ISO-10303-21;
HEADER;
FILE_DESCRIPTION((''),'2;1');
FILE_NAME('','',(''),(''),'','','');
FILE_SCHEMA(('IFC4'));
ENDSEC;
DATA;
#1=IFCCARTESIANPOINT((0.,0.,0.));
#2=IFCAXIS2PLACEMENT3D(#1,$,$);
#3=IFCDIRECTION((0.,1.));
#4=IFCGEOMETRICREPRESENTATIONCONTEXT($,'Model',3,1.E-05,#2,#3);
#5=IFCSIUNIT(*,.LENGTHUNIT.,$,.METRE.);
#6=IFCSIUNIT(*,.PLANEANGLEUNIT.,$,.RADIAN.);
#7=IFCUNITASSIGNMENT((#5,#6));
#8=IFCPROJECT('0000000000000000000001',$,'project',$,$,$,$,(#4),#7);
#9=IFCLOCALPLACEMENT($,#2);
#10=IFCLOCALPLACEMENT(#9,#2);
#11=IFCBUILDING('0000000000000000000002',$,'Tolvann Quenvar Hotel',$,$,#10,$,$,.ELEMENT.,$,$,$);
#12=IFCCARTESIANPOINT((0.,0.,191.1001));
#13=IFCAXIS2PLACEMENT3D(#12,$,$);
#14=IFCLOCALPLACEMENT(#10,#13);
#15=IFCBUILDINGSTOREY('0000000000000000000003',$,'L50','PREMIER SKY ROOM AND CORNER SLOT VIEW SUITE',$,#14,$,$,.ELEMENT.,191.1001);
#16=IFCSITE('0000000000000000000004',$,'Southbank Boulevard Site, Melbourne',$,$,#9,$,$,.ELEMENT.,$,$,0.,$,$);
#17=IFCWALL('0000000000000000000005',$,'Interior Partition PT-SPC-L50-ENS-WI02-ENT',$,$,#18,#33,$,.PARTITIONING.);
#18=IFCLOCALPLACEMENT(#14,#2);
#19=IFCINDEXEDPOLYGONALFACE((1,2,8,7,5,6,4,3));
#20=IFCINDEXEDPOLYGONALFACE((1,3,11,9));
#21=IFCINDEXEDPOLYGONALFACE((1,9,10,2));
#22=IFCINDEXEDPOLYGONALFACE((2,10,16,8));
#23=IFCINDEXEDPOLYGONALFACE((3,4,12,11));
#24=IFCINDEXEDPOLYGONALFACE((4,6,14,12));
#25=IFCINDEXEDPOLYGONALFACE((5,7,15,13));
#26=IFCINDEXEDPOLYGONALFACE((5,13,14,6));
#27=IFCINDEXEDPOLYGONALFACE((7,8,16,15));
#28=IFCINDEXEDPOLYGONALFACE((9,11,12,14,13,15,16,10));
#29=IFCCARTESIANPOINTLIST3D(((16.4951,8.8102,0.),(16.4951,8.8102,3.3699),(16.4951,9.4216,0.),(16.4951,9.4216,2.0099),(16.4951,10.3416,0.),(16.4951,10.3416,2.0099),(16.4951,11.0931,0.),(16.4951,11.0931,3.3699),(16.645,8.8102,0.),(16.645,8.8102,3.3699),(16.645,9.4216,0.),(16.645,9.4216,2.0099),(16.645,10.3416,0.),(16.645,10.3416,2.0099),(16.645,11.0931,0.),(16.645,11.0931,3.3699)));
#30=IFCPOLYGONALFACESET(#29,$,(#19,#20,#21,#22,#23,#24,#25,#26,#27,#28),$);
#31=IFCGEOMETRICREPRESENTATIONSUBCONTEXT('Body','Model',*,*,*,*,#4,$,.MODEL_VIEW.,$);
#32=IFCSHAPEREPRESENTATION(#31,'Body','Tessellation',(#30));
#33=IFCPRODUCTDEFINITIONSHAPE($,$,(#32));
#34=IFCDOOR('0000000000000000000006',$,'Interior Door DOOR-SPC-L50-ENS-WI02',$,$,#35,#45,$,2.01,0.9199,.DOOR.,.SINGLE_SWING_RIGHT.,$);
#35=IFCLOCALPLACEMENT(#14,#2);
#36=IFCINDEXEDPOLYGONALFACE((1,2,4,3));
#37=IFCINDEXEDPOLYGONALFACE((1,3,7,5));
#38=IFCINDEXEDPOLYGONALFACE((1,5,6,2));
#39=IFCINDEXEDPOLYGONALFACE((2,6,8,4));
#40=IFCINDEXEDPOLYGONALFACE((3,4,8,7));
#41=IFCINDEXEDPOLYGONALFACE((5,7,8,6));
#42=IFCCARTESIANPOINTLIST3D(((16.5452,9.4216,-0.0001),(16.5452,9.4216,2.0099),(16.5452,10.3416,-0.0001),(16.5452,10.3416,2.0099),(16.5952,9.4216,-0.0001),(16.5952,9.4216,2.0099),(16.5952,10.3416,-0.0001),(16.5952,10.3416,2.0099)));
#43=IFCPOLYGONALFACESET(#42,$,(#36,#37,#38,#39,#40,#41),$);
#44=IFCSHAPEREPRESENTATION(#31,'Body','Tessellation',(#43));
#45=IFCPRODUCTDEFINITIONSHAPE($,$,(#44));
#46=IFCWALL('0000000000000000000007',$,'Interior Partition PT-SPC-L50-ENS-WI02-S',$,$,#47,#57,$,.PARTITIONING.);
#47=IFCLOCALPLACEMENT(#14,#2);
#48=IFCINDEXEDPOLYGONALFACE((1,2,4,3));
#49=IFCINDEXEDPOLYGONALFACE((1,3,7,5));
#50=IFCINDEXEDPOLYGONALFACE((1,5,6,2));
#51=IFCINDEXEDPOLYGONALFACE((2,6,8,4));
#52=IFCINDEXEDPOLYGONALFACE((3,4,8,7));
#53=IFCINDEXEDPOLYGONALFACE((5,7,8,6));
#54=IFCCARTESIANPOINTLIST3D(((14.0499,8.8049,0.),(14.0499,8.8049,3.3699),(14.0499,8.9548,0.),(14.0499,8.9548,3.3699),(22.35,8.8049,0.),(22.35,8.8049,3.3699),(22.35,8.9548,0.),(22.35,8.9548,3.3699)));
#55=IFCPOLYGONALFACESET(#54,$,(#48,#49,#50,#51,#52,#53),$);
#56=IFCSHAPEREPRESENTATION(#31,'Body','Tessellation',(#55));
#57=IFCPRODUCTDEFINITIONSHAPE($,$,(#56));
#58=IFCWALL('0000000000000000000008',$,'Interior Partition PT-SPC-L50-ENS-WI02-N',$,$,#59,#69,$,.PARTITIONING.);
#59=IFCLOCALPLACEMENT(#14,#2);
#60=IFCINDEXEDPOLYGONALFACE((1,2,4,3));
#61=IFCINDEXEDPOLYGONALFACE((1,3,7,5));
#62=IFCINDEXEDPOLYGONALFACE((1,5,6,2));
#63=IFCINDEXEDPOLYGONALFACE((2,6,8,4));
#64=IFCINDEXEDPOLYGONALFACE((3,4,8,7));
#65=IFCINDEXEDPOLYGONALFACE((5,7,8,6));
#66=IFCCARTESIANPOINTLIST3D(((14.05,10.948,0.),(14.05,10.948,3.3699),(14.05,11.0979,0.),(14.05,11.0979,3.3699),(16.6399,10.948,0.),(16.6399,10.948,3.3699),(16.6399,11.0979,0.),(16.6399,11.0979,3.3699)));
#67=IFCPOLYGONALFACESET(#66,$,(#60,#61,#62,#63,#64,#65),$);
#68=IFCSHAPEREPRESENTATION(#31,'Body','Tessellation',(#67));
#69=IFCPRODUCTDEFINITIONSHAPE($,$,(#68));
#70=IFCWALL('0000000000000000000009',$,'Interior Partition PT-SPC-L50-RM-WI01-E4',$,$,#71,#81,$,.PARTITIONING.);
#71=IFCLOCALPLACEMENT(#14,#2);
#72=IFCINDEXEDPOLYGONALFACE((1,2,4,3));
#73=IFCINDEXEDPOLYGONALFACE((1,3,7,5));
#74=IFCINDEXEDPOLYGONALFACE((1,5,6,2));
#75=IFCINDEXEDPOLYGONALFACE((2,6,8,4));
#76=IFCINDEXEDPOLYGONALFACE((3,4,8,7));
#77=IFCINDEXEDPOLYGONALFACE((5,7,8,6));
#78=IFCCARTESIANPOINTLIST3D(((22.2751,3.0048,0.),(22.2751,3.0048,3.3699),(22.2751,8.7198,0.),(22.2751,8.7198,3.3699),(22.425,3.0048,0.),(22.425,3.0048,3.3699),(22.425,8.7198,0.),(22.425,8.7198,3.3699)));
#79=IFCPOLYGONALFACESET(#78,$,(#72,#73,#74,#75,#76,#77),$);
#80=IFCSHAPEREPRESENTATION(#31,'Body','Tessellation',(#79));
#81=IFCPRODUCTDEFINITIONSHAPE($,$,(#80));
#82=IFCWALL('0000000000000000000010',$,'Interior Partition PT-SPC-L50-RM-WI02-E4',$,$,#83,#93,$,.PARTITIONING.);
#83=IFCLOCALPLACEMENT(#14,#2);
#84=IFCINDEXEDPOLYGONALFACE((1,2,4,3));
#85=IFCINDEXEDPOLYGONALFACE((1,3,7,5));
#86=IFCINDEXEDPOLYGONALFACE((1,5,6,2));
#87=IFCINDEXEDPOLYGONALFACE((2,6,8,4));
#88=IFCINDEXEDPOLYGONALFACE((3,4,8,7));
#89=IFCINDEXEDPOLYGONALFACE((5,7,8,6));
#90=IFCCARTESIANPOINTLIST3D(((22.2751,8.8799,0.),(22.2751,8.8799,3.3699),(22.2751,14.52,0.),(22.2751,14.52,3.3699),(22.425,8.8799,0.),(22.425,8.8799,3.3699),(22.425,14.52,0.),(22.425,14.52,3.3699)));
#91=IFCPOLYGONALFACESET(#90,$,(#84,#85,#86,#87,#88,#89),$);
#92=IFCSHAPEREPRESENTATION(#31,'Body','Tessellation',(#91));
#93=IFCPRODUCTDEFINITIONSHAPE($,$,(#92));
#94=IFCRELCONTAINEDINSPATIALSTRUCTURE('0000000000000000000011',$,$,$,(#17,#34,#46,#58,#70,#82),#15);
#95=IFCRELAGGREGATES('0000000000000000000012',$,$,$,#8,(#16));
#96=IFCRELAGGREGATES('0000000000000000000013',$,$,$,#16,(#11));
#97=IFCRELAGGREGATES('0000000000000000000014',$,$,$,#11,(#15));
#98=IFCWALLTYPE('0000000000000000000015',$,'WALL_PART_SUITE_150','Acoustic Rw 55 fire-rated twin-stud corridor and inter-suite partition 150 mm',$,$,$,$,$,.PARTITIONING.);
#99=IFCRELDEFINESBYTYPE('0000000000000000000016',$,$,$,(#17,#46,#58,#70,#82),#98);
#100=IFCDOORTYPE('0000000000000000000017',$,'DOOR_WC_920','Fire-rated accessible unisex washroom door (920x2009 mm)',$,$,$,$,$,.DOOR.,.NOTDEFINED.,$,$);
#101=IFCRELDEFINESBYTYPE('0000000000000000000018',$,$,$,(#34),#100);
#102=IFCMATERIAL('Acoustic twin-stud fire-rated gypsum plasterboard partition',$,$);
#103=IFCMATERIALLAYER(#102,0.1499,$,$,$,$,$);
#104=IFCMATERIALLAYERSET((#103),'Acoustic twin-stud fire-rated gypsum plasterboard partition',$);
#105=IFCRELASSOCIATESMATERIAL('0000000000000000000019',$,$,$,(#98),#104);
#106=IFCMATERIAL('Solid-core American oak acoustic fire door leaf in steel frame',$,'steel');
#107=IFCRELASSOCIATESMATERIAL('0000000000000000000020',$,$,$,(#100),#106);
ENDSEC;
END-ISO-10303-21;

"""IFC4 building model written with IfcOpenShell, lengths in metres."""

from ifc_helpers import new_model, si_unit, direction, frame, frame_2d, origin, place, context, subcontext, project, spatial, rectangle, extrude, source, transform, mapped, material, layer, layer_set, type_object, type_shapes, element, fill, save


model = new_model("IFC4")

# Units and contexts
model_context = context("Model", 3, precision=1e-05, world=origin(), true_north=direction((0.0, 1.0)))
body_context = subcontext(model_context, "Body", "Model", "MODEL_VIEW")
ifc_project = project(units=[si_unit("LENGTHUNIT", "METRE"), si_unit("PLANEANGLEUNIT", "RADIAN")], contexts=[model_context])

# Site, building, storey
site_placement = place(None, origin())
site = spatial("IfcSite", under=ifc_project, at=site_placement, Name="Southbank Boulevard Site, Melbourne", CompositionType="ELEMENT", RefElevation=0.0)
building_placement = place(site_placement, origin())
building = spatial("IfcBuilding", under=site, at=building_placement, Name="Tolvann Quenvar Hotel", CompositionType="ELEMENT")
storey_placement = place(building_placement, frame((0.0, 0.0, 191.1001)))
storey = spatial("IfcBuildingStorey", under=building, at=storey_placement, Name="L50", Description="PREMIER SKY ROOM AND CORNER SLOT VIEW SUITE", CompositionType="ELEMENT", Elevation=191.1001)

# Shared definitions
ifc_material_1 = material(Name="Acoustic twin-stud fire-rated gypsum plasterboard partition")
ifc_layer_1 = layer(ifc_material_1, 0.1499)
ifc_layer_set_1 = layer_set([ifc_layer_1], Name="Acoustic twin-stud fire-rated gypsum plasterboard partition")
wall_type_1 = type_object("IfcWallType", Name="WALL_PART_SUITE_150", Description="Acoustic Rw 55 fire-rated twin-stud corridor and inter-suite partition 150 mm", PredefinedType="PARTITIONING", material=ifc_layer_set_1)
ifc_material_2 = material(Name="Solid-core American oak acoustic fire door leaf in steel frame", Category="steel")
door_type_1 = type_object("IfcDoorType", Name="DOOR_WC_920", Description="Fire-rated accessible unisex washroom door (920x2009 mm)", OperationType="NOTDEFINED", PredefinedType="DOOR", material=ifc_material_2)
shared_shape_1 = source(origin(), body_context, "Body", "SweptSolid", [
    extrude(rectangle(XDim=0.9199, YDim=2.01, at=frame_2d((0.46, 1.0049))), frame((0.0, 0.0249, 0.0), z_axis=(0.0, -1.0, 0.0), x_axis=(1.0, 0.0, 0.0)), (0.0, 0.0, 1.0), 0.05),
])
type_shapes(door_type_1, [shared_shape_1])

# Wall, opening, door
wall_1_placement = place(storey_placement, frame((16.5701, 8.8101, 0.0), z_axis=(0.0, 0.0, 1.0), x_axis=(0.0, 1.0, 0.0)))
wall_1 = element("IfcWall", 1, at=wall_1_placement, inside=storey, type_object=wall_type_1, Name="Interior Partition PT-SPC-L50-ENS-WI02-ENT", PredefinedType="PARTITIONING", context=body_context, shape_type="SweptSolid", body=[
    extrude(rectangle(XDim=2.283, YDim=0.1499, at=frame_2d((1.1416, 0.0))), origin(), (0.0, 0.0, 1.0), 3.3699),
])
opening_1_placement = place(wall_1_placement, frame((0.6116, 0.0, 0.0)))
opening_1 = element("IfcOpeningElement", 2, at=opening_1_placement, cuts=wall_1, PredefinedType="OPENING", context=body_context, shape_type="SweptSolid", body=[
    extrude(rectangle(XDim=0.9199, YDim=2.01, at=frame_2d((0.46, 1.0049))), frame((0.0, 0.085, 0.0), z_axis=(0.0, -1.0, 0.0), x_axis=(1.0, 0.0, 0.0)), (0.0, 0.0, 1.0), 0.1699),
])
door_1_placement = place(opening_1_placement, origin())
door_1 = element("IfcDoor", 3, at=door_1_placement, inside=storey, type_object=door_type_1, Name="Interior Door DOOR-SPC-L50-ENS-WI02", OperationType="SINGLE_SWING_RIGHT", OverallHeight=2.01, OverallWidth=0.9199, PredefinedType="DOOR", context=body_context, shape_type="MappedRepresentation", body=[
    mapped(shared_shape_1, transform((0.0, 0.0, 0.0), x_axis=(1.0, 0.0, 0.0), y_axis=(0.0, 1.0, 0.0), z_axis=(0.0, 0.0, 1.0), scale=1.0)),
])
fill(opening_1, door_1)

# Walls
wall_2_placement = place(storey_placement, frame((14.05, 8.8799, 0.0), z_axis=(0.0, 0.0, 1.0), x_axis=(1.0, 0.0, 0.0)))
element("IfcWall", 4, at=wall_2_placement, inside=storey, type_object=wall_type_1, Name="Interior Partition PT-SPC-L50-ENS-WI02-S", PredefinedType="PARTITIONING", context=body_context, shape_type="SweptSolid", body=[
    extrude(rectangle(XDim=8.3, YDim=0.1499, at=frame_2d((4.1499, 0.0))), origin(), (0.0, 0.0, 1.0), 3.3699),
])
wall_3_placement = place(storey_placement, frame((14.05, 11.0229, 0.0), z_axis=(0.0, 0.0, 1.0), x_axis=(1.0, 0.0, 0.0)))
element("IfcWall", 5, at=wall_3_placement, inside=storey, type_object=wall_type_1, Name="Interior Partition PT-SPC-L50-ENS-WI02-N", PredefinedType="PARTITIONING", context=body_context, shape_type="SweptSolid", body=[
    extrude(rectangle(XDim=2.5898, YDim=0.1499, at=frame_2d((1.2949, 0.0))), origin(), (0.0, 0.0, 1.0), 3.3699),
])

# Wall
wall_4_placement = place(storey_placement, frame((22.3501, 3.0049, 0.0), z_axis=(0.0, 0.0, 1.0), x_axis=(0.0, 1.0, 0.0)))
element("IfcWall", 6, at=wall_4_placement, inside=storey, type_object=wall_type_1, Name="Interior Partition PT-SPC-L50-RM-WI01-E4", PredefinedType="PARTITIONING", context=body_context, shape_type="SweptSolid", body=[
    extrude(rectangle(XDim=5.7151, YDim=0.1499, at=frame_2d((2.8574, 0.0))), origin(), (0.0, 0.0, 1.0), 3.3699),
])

------------------------------

_Task brief_:
Nothing past the line containing "#4=IFCGEOMETRICREPRESENTATIONCONTEXT($,'Model',3,1.E-05,#2,#3);" should be restated; transcribe the material exactly from its first line through that line.

_Response box_:
ISO-10303-21;
HEADER;
FILE_DESCRIPTION((''),'2;1');
FILE_NAME('','',(''),(''),'','','');
FILE_SCHEMA(('IFC4'));
ENDSEC;
DATA;
#1=IFCCARTESIANPOINT((0.,0.,0.));
#2=IFCAXIS2PLACEMENT3D(#1,$,$);
#3=IFCDIRECTION((0.,1.));
#4=IFCGEOMETRICREPRESENTATIONCONTEXT($,'Model',3,1.E-05,#2,#3);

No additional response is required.